Saved entries
-.-.-

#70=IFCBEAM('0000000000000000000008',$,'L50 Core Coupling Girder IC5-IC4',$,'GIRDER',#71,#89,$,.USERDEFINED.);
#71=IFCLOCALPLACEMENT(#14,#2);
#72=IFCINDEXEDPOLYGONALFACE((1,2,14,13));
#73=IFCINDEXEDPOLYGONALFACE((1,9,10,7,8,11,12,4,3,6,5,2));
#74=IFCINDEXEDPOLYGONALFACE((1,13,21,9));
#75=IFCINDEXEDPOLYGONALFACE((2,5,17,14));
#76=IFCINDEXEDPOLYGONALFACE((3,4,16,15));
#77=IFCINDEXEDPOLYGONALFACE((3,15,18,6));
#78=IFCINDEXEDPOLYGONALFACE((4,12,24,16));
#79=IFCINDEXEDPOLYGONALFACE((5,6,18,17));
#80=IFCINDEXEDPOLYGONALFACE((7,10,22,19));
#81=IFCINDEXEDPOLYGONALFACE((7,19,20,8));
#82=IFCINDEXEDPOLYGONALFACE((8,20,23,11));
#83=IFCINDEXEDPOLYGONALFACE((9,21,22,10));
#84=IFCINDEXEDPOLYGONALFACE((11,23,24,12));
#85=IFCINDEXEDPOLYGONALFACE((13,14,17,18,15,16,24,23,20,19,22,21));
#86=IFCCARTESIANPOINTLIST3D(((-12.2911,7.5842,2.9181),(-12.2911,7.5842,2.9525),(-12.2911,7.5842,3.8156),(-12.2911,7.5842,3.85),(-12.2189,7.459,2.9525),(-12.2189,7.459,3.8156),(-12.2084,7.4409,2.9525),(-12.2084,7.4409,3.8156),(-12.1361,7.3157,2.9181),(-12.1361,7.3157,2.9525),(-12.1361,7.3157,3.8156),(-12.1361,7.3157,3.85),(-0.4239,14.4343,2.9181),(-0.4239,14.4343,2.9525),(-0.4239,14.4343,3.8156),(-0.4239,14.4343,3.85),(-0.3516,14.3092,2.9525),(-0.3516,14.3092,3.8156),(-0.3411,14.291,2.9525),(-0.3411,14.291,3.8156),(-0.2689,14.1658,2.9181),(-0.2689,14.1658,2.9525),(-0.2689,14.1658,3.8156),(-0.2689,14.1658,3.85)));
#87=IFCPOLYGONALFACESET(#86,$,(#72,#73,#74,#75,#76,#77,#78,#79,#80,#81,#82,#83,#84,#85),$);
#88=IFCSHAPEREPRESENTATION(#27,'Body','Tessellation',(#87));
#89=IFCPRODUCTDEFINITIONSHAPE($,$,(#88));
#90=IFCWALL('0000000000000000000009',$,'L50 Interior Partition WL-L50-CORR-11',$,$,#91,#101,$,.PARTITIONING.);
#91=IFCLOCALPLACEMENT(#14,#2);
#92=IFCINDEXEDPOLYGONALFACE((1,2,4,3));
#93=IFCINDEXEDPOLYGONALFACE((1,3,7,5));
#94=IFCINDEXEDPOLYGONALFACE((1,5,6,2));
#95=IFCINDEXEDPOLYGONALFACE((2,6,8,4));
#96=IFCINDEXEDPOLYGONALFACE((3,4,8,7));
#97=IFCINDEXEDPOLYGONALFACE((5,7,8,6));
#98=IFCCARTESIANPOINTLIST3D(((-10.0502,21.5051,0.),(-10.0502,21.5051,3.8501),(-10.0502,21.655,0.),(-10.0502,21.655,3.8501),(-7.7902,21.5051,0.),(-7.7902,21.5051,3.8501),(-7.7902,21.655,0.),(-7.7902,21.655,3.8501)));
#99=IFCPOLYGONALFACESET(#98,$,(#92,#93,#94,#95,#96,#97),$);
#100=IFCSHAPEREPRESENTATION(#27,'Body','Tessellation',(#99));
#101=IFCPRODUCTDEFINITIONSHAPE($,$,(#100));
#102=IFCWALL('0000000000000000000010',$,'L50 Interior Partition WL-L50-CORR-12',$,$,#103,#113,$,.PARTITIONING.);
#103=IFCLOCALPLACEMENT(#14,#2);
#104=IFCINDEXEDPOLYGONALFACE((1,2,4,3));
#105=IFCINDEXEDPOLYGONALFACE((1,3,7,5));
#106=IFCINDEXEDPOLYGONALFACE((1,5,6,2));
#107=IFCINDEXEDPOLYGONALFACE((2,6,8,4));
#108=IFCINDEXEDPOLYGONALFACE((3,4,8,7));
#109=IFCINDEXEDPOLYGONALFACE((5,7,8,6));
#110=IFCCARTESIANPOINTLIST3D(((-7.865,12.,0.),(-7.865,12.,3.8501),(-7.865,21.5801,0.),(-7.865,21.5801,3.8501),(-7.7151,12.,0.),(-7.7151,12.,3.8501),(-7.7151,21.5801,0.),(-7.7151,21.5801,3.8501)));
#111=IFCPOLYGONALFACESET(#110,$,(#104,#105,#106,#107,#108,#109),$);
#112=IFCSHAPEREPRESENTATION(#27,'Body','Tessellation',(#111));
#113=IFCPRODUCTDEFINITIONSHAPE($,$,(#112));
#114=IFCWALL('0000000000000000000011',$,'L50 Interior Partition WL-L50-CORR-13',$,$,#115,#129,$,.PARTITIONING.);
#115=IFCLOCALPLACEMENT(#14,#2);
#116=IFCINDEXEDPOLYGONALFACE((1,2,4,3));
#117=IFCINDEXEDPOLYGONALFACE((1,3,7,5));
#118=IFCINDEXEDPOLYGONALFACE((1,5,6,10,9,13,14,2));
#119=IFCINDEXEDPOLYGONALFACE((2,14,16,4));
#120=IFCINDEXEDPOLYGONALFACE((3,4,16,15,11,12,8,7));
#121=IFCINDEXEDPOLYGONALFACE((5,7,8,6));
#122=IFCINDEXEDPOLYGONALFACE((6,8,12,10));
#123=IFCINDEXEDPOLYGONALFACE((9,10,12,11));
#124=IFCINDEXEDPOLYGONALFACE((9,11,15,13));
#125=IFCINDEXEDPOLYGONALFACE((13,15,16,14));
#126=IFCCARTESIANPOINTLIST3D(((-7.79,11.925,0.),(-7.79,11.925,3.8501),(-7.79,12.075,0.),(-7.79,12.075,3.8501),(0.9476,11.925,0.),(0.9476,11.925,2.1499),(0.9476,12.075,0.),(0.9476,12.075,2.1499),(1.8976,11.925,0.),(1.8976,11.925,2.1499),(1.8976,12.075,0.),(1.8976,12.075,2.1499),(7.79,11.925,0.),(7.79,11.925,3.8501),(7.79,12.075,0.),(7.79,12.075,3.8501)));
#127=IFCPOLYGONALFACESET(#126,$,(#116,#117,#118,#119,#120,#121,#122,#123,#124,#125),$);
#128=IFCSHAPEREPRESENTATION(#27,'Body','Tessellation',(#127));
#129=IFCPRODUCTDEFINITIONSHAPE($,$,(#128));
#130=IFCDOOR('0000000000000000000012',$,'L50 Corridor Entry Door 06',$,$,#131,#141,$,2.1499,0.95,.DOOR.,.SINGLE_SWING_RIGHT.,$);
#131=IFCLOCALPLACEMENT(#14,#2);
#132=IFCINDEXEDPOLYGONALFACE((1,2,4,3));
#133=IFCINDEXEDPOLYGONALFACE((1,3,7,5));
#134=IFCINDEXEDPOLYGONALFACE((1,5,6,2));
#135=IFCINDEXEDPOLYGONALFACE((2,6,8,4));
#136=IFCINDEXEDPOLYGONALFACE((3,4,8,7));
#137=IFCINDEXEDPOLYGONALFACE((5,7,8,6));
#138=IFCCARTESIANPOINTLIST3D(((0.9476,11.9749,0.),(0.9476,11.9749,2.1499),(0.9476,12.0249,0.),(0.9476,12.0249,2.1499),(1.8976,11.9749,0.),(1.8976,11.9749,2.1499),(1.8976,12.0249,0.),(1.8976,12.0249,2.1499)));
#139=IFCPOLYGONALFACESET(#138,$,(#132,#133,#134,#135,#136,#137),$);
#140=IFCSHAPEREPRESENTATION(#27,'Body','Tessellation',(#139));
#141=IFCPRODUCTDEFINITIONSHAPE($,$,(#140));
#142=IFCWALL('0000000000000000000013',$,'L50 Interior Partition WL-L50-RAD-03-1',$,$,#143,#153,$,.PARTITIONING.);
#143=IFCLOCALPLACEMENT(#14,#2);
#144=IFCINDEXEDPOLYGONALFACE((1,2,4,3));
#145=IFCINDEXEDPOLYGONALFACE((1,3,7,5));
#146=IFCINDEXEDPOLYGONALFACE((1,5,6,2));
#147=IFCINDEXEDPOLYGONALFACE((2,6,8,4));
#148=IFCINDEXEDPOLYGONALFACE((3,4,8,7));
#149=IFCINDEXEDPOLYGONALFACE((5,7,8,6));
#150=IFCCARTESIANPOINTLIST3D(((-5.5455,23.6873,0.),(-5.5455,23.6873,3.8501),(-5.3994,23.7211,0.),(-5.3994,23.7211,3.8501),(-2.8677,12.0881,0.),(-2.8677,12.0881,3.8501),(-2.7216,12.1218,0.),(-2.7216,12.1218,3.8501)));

-.-.-

■ **Task description**
Search the data above for the word "IFCPRODUCTDEFINITIONSHAPE", then gather each line in which it appears.

■ **Your response**
#89=IFCPRODUCTDEFINITIONSHAPE($,$,(#88));
#101=IFCPRODUCTDEFINITIONSHAPE($,$,(#100));
#113=IFCPRODUCTDEFINITIONSHAPE($,$,(#112));
#129=IFCPRODUCTDEFINITIONSHAPE($,$,(#128));
#141=IFCPRODUCTDEFINITIONSHAPE($,$,(#140));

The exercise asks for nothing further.